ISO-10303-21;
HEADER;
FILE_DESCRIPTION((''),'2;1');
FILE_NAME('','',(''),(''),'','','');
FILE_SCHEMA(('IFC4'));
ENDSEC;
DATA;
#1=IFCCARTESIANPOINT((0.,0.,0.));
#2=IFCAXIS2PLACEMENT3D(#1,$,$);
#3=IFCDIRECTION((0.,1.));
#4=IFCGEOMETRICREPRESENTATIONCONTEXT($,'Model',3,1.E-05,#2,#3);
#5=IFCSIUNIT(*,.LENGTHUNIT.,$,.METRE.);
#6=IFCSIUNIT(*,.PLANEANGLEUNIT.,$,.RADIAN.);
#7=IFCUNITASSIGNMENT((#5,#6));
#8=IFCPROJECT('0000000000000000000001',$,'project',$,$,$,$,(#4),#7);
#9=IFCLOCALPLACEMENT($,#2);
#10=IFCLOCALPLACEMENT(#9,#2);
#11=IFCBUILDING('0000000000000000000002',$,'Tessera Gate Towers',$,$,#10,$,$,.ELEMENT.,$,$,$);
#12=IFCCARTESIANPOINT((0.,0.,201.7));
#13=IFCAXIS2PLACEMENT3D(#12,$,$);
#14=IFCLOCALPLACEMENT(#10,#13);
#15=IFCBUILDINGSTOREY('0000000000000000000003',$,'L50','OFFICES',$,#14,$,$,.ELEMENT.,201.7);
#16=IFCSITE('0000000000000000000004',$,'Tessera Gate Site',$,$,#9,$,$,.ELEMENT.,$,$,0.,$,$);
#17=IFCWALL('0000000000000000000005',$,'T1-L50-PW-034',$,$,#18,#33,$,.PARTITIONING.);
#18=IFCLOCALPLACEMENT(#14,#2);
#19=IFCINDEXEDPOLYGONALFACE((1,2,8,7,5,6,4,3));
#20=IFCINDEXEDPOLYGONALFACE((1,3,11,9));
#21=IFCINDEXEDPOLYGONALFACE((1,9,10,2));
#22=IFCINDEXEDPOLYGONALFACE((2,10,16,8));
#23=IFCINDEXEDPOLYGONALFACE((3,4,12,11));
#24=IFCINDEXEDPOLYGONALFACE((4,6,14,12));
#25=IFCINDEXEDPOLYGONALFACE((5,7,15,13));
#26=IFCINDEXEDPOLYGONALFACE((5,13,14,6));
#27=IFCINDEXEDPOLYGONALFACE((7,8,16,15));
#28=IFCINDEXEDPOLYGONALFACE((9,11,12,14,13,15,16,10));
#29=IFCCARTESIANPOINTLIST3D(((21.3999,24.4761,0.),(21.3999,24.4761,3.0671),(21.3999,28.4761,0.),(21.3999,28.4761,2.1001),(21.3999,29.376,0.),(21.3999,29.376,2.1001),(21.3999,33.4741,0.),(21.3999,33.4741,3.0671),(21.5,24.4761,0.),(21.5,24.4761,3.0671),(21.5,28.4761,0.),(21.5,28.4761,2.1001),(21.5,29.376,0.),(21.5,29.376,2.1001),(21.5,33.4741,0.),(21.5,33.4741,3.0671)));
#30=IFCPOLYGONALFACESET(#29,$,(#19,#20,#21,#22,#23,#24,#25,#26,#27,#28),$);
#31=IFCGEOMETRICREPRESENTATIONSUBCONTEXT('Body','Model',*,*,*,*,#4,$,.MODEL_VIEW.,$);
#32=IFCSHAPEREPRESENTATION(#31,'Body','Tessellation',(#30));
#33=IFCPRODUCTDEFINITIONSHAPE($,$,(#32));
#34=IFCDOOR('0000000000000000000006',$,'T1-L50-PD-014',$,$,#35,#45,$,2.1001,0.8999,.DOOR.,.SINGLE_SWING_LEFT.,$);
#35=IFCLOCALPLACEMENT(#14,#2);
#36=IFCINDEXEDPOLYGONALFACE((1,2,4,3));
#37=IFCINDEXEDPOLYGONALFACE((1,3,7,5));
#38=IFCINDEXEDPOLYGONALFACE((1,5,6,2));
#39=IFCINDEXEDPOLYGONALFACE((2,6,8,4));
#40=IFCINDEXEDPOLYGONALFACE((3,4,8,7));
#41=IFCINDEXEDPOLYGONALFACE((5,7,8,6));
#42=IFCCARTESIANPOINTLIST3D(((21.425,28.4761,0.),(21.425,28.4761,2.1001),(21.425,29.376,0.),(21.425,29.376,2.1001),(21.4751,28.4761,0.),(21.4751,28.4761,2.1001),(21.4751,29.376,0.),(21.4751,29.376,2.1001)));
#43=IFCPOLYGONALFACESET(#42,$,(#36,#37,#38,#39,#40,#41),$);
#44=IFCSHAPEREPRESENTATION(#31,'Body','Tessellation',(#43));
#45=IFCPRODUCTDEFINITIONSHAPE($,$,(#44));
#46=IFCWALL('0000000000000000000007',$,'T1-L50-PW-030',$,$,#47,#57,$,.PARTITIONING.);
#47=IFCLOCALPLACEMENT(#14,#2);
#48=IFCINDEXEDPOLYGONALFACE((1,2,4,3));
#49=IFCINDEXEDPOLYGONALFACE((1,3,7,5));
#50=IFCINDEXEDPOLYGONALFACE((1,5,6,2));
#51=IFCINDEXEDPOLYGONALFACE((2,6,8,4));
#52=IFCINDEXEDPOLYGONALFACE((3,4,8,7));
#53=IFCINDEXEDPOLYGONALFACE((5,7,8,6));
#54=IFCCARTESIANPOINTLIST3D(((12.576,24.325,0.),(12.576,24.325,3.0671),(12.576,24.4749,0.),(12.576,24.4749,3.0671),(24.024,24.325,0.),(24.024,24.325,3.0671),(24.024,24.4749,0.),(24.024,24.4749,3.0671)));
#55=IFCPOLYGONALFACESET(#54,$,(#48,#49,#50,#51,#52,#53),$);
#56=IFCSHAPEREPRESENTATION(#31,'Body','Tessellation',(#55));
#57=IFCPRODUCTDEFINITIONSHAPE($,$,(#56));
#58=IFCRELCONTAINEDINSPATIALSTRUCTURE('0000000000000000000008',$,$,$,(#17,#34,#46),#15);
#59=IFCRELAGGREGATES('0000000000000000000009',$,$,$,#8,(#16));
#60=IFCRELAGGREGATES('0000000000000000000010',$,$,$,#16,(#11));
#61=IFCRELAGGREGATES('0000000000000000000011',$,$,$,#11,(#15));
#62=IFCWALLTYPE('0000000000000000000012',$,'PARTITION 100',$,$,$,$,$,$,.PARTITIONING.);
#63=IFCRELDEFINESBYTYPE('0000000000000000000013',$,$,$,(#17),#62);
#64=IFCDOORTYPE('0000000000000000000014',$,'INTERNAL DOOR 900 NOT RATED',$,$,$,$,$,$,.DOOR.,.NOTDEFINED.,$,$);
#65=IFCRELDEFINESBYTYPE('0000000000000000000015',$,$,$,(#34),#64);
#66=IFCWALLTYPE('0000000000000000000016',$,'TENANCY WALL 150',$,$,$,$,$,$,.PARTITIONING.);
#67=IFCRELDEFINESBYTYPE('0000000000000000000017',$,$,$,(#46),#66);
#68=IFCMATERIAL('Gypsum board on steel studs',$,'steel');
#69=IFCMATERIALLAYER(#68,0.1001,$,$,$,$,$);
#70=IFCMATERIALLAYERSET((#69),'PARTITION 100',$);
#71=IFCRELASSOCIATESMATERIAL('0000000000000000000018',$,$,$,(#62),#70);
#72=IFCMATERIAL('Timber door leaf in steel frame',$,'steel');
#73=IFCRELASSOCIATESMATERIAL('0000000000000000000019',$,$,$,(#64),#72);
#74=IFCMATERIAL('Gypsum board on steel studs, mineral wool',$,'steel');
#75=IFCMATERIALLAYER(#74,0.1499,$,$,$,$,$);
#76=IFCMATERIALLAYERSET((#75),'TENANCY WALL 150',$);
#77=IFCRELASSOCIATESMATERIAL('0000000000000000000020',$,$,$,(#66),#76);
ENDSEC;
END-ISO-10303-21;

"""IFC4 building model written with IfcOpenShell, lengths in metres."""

from ifc_helpers import new_model, si_unit, direction, frame, frame_2d, origin, place, context, subcontext, project, spatial, rectangle, extrude, source, transform, mapped, material, layer, layer_set, type_object, element, fill, save


model = new_model("IFC4")

# Units and contexts
model_context = context("Model", 3, precision=1e-05, world=origin(), true_north=direction((0.0, 1.0)))
body_context = subcontext(model_context, "Body", "Model", "MODEL_VIEW")
ifc_project = project(units=[si_unit("LENGTHUNIT", "METRE"), si_unit("PLANEANGLEUNIT", "RADIAN")], contexts=[model_context])

# Site, building, storey
site_placement = place(None, origin())
site = spatial("IfcSite", under=ifc_project, at=site_placement, Name="Tessera Gate Site", CompositionType="ELEMENT", RefElevation=0.0)
building_placement = place(site_placement, origin())
building = spatial("IfcBuilding", under=site, at=building_placement, Name="Tessera Gate Towers", CompositionType="ELEMENT")
storey_placement = place(building_placement, frame((0.0, 0.0, 201.7)))
storey = spatial("IfcBuildingStorey", under=building, at=storey_placement, Name="L50", Description="OFFICES", CompositionType="ELEMENT", Elevation=201.7)

# Wall, opening, door
shared_shape_1 = source(origin(), body_context, "Body", "SweptSolid", [
    extrude(rectangle(XDim=0.8999, YDim=2.1001, at=frame_2d((0.45, 1.05))), frame((0.0, 0.0601, 0.0), z_axis=(0.0, -1.0, 0.0), x_axis=(1.0, 0.0, 0.0)), (0.0, 0.0, 1.0), 0.1201),
])
shared_shape_2 = source(origin(), body_context, "Body", "SweptSolid", [
    extrude(rectangle(XDim=0.8999, YDim=2.1001, at=frame_2d((0.45, 1.05))), frame((0.0, 0.0249, 0.0), z_axis=(0.0, -1.0, 0.0), x_axis=(1.0, 0.0, 0.0)), (0.0, 0.0, 1.0), 0.05),
])
ifc_material_1 = material(Name="Gypsum board on steel studs", Category="steel")
ifc_layer_1 = layer(ifc_material_1, 0.1001)
ifc_layer_set_1 = layer_set([ifc_layer_1], Name="PARTITION 100")
wall_type_1 = type_object("IfcWallType", Name="PARTITION 100", PredefinedType="PARTITIONING", material=ifc_layer_set_1)
wall_1_placement = place(storey_placement, frame((21.45, 24.4761, 0.0), z_axis=(0.0, 0.0, 1.0), x_axis=(0.0, 1.0, 0.0)))
wall_1 = element("IfcWall", 1, at=wall_1_placement, inside=storey, type_object=wall_type_1, Name="T1-L50-PW-034", PredefinedType="PARTITIONING", context=body_context, shape_type="SweptSolid", body=[
    extrude(rectangle(XDim=8.998, YDim=0.1001, at=frame_2d((4.499, 0.0))), origin(), (0.0, 0.0, 1.0), 3.0671),
])
opening_1_placement = place(wall_1_placement, frame((4.0, 0.0, 0.0)))
opening_1 = element("IfcOpeningElement", 2, at=opening_1_placement, cuts=wall_1, PredefinedType="OPENING", context=body_context, shape_type="MappedRepresentation", body=[
    mapped(shared_shape_1, transform((0.0, 0.0, 0.0), scale=1.0)),
])
ifc_material_2 = material(Name="Timber door leaf in steel frame", Category="steel")
door_type_1 = type_object("IfcDoorType", Name="INTERNAL DOOR 900 NOT RATED", OperationType="NOTDEFINED", PredefinedType="DOOR", material=ifc_material_2)
door_1_placement = place(opening_1_placement, origin())
door_1 = element("IfcDoor", 3, at=door_1_placement, inside=storey, type_object=door_type_1, Name="T1-L50-PD-014", OperationType="SINGLE_SWING_LEFT", OverallHeight=2.1001, OverallWidth=0.8999, PredefinedType="DOOR", context=body_context, shape_type="MappedRepresentation", body=[
    mapped(shared_shape_2, transform((0.0, 0.0, 0.0), scale=1.0)),
])
fill(opening_1, door_1)

# Wall
ifc_material_3 = material(Name="Gypsum board on steel studs, mineral wool", Category="steel")
ifc_layer_2 = layer(ifc_material_3, 0.1499)
ifc_layer_set_2 = layer_set([ifc_layer_2], Name="TENANCY WALL 150")
wall_type_2 = type_object("IfcWallType", Name="TENANCY WALL 150", PredefinedType="PARTITIONING", material=ifc_layer_set_2)
wall_2_placement = place(storey_placement, frame((12.5759, 24.3999, 0.0), z_axis=(0.0, 0.0, 1.0), x_axis=(1.0, 0.0, 0.0)))
element("IfcWall", 4, at=wall_2_placement, inside=storey, type_object=wall_type_2, Name="T1-L50-PW-030", PredefinedType="PARTITIONING", context=body_context, shape_type="SweptSolid", body=[
    extrude(rectangle(XDim=11.448, YDim=0.1499, at=frame_2d((5.7241, 0.0))), origin(), (0.0, 0.0, 1.0), 3.0671),
])

save(model, "model.ifc")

----------------

Whenever the string "Tessellation" turns up in a line of the data, copy that line.

#32=IFCSHAPEREPRESENTATION(#31,'Body','Tessellation',(#30));
#44=IFCSHAPEREPRESENTATION(#31,'Body','Tessellation',(#43));
#56=IFCSHAPEREPRESENTATION(#31,'Body','Tessellation',(#55));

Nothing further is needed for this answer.